TASK ITEM
For the entries that follow, restate word for word the line containing "#18=IFCLOCALPLACEMENT(#14,#2);", the line containing "#23=IFCINDEXEDPOLYGONALFACE((1,13,14,2));", and every line that lies between them.

[RECORDS SUPPLIED — start]

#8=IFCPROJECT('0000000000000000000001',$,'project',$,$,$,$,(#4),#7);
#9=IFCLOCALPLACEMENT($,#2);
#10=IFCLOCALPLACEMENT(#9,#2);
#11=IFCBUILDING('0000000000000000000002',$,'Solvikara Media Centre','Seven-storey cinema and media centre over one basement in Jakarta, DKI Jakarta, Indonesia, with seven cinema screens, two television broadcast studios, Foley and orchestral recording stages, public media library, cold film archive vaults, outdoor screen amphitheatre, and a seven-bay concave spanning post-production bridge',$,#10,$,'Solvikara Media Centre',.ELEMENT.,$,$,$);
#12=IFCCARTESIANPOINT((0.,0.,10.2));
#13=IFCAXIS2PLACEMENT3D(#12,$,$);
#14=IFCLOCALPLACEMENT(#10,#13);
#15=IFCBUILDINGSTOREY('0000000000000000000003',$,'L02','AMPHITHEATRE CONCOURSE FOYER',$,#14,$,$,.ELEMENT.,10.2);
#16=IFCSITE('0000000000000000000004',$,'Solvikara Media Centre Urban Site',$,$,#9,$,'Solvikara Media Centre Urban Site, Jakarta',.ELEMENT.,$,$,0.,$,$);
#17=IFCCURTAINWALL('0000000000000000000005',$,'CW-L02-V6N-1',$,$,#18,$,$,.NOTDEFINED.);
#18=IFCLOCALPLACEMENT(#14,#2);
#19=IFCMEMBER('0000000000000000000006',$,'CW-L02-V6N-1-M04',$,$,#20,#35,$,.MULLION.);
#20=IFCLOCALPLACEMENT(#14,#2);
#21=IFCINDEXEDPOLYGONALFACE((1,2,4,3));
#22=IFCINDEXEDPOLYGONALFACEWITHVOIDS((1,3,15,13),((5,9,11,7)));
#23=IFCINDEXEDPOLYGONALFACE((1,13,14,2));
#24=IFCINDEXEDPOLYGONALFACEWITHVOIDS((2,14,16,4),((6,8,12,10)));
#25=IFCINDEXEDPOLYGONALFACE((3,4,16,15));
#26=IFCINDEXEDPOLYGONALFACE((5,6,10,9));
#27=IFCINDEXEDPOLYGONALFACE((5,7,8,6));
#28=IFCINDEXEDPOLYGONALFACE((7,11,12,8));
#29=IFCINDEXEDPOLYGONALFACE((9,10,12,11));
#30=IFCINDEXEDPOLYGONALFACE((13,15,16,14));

[RECORDS SUPPLIED — finish]

PROBLEM SOLUTION
#18=IFCLOCALPLACEMENT(#14,#2);
#19=IFCMEMBER('0000000000000000000006',$,'CW-L02-V6N-1-M04',$,$,#20,#35,$,.MULLION.);
#20=IFCLOCALPLACEMENT(#14,#2);
#21=IFCINDEXEDPOLYGONALFACE((1,2,4,3));
#22=IFCINDEXEDPOLYGONALFACEWITHVOIDS((1,3,15,13),((5,9,11,7)));
#23=IFCINDEXEDPOLYGONALFACE((1,13,14,2));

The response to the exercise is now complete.